AIM OF THE TASK »
Go line by line through the records and tally those that include "XDim". Respond with the tally only.

[Stored data entries]
____

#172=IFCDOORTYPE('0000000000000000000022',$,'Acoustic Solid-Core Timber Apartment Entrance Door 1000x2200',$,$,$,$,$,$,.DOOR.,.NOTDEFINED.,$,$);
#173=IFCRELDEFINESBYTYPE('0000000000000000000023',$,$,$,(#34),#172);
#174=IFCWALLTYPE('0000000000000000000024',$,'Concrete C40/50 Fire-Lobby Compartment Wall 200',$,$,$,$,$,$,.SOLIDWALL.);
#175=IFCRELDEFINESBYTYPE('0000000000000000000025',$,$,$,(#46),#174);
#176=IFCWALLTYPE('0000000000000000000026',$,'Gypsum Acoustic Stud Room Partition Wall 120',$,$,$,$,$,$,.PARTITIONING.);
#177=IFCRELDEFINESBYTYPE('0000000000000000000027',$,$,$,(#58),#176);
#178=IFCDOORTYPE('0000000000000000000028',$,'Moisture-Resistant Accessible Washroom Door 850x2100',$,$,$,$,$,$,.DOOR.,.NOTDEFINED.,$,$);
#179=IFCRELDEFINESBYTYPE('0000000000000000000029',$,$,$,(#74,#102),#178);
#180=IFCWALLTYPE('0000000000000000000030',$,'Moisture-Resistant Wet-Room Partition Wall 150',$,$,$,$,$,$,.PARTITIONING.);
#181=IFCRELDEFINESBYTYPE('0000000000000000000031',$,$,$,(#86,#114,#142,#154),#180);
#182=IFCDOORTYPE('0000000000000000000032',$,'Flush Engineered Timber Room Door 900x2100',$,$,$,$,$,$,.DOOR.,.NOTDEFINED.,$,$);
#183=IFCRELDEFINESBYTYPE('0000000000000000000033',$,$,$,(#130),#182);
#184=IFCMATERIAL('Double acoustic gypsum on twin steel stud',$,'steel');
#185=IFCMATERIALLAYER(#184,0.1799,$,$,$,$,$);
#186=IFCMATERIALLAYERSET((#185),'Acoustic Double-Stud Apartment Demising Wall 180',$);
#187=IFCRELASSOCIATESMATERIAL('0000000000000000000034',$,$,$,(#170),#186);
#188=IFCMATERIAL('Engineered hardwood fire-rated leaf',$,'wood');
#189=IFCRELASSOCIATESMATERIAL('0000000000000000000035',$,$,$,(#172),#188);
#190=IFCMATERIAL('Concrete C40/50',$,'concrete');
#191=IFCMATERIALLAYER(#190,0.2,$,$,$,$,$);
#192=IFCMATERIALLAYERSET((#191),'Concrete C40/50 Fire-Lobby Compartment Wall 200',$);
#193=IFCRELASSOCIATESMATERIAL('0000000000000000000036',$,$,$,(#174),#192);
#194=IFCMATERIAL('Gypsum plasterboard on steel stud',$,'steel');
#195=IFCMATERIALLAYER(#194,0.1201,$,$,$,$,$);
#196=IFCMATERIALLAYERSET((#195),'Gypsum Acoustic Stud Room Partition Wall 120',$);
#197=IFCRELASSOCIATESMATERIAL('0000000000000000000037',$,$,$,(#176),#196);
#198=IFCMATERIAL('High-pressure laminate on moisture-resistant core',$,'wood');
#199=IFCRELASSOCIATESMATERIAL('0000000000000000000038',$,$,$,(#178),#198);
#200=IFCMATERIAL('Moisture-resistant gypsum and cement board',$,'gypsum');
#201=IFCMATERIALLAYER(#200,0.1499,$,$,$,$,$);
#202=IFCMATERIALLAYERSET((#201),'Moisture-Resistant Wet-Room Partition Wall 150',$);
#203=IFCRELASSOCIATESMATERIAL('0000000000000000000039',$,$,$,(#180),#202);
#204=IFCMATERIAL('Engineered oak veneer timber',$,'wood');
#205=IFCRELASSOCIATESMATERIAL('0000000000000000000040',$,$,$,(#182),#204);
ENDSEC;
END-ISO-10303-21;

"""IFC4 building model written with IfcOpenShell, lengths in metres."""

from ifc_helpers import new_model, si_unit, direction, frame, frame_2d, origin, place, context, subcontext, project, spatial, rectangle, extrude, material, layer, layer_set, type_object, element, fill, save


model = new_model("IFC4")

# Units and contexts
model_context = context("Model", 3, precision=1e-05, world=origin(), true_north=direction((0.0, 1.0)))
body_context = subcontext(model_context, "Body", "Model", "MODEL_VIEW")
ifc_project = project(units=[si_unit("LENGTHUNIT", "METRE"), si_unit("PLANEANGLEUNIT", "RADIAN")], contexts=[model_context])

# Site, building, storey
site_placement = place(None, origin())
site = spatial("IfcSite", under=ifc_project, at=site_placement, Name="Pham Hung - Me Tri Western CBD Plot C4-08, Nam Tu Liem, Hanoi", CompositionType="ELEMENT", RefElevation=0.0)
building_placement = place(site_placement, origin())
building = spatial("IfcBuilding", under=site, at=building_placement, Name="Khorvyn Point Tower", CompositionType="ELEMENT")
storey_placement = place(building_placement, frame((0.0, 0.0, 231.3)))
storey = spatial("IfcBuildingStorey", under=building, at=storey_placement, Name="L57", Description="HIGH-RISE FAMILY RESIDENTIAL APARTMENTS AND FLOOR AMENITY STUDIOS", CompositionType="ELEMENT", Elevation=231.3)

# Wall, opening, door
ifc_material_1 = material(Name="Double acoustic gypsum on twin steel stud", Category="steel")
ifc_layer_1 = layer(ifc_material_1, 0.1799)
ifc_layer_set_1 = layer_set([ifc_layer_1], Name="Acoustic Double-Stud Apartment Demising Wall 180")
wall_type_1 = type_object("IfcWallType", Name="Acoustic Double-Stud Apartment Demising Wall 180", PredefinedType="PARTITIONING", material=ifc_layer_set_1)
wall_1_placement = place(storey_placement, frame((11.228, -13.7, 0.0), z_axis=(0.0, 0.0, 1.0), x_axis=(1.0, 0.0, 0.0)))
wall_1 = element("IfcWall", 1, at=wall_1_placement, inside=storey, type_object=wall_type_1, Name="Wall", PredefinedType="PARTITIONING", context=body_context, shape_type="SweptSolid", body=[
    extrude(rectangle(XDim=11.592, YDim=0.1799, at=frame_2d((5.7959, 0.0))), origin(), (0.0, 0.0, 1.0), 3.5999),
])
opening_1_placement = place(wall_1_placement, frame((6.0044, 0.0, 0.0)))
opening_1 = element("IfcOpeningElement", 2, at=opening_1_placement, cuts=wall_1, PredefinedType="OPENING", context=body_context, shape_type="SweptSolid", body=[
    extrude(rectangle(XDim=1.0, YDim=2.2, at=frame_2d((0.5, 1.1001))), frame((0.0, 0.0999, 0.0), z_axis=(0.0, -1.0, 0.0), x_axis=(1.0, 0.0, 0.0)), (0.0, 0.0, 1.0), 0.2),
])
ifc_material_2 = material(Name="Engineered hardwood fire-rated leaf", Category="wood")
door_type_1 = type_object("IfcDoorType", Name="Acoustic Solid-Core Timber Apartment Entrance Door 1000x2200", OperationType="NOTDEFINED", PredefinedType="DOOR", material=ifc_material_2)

____

RESULT OF THIS EXERCISE »
2